Return the full listing exactly as it is written.

** THE DATA follows **

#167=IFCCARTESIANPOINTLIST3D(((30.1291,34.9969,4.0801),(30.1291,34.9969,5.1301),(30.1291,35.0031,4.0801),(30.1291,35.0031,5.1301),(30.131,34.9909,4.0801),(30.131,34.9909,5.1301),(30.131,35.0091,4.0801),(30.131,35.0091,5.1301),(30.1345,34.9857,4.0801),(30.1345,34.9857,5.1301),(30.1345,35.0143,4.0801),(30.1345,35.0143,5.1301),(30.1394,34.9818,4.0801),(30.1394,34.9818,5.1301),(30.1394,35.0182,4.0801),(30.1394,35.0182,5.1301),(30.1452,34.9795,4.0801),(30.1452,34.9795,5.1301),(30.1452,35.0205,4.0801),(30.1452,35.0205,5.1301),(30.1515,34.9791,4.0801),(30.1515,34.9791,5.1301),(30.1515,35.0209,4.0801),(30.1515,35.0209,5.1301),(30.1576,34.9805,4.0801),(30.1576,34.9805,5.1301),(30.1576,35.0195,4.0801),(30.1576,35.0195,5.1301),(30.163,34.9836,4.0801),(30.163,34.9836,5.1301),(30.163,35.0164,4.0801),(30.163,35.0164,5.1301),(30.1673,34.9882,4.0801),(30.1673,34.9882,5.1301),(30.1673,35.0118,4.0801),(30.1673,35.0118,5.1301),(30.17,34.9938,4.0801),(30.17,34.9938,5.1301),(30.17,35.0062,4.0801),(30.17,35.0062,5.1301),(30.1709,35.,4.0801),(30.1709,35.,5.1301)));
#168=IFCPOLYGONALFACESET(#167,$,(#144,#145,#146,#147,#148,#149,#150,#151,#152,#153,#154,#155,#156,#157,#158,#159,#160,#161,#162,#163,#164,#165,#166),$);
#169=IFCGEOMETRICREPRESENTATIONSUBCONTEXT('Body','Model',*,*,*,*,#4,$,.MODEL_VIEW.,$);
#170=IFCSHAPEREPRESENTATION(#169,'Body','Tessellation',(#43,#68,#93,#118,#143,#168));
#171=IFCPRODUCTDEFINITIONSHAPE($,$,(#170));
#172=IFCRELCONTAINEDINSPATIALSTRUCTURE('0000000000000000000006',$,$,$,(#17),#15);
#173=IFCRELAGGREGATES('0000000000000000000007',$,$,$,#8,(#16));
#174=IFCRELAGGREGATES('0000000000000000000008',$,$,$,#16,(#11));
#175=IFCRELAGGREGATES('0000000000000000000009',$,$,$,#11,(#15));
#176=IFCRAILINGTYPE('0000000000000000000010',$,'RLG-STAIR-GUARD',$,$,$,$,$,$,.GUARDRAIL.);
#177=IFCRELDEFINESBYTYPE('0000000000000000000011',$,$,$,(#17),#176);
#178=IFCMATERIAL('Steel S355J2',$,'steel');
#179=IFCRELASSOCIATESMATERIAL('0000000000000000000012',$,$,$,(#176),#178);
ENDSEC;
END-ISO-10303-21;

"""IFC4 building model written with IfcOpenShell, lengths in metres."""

** End of THE DATA **

### [EXPECTED ANSWER]
#167=IFCCARTESIANPOINTLIST3D(((30.1291,34.9969,4.0801),(30.1291,34.9969,5.1301),(30.1291,35.0031,4.0801),(30.1291,35.0031,5.1301),(30.131,34.9909,4.0801),(30.131,34.9909,5.1301),(30.131,35.0091,4.0801),(30.131,35.0091,5.1301),(30.1345,34.9857,4.0801),(30.1345,34.9857,5.1301),(30.1345,35.0143,4.0801),(30.1345,35.0143,5.1301),(30.1394,34.9818,4.0801),(30.1394,34.9818,5.1301),(30.1394,35.0182,4.0801),(30.1394,35.0182,5.1301),(30.1452,34.9795,4.0801),(30.1452,34.9795,5.1301),(30.1452,35.0205,4.0801),(30.1452,35.0205,5.1301),(30.1515,34.9791,4.0801),(30.1515,34.9791,5.1301),(30.1515,35.0209,4.0801),(30.1515,35.0209,5.1301),(30.1576,34.9805,4.0801),(30.1576,34.9805,5.1301),(30.1576,35.0195,4.0801),(30.1576,35.0195,5.1301),(30.163,34.9836,4.0801),(30.163,34.9836,5.1301),(30.163,35.0164,4.0801),(30.163,35.0164,5.1301),(30.1673,34.9882,4.0801),(30.1673,34.9882,5.1301),(30.1673,35.0118,4.0801),(30.1673,35.0118,5.1301),(30.17,34.9938,4.0801),(30.17,34.9938,5.1301),(30.17,35.0062,4.0801),(30.17,35.0062,5.1301),(30.1709,35.,4.0801),(30.1709,35.,5.1301)));
#168=IFCPOLYGONALFACESET(#167,$,(#144,#145,#146,#147,#148,#149,#150,#151,#152,#153,#154,#155,#156,#157,#158,#159,#160,#161,#162,#163,#164,#165,#166),$);
#169=IFCGEOMETRICREPRESENTATIONSUBCONTEXT('Body','Model',*,*,*,*,#4,$,.MODEL_VIEW.,$);
#170=IFCSHAPEREPRESENTATION(#169,'Body','Tessellation',(#43,#68,#93,#118,#143,#168));
#171=IFCPRODUCTDEFINITIONSHAPE($,$,(#170));
#172=IFCRELCONTAINEDINSPATIALSTRUCTURE('0000000000000000000006',$,$,$,(#17),#15);
#173=IFCRELAGGREGATES('0000000000000000000007',$,$,$,#8,(#16));
#174=IFCRELAGGREGATES('0000000000000000000008',$,$,$,#16,(#11));
#175=IFCRELAGGREGATES('0000000000000000000009',$,$,$,#11,(#15));
#176=IFCRAILINGTYPE('0000000000000000000010',$,'RLG-STAIR-GUARD',$,$,$,$,$,$,.GUARDRAIL.);
#177=IFCRELDEFINESBYTYPE('0000000000000000000011',$,$,$,(#17),#176);
#178=IFCMATERIAL('Steel S355J2',$,'steel');
#179=IFCRELASSOCIATESMATERIAL('0000000000000000000012',$,$,$,(#176),#178);
ENDSEC;
END-ISO-10303-21;

"""IFC4 building model written with IfcOpenShell, lengths in metres."""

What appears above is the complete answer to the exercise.